- [What you need to do] The answer should be each line from the entries below that has the word "IFCINDEXEDPOLYGONALFACE" in it.

- [Given entries]
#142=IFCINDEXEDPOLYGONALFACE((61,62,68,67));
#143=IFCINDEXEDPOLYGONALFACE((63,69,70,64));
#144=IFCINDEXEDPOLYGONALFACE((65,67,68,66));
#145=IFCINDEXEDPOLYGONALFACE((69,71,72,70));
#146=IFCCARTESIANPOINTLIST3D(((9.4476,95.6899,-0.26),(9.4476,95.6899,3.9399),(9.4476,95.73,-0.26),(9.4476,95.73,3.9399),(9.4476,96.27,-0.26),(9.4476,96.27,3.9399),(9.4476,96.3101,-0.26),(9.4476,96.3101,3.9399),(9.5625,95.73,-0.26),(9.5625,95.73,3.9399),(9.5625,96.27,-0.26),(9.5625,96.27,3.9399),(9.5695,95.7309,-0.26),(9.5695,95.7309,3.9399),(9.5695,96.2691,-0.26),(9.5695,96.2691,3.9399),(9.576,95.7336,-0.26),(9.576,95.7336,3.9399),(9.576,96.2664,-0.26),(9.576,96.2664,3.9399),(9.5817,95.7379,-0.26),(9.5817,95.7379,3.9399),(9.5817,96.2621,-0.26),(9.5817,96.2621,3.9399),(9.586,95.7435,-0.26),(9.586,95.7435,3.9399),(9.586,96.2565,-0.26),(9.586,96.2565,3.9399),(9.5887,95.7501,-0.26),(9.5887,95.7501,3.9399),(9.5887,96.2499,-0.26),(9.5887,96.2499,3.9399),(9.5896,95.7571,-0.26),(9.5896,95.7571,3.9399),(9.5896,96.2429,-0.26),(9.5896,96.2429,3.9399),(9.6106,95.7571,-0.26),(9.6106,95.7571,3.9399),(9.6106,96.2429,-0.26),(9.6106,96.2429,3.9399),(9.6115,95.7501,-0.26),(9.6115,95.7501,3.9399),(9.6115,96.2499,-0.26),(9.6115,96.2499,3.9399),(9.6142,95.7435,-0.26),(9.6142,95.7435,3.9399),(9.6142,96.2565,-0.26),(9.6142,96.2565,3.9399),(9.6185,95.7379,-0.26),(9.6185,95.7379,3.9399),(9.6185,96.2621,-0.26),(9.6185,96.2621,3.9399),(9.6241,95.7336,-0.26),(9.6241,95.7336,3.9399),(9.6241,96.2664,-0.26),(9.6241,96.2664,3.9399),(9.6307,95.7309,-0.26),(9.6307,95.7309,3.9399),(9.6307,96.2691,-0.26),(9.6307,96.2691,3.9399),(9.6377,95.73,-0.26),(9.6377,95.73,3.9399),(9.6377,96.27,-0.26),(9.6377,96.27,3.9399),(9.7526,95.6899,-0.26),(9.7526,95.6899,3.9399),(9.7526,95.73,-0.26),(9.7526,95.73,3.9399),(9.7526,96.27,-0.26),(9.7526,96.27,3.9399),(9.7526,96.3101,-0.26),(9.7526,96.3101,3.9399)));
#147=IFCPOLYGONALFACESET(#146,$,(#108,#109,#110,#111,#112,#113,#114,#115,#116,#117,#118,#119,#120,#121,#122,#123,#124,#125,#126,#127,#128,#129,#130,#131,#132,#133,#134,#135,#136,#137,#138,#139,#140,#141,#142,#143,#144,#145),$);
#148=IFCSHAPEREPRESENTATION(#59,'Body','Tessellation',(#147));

- [Response to this exercise]
#142=IFCINDEXEDPOLYGONALFACE((61,62,68,67));
#143=IFCINDEXEDPOLYGONALFACE((63,69,70,64));
#144=IFCINDEXEDPOLYGONALFACE((65,67,68,66));
#145=IFCINDEXEDPOLYGONALFACE((69,71,72,70));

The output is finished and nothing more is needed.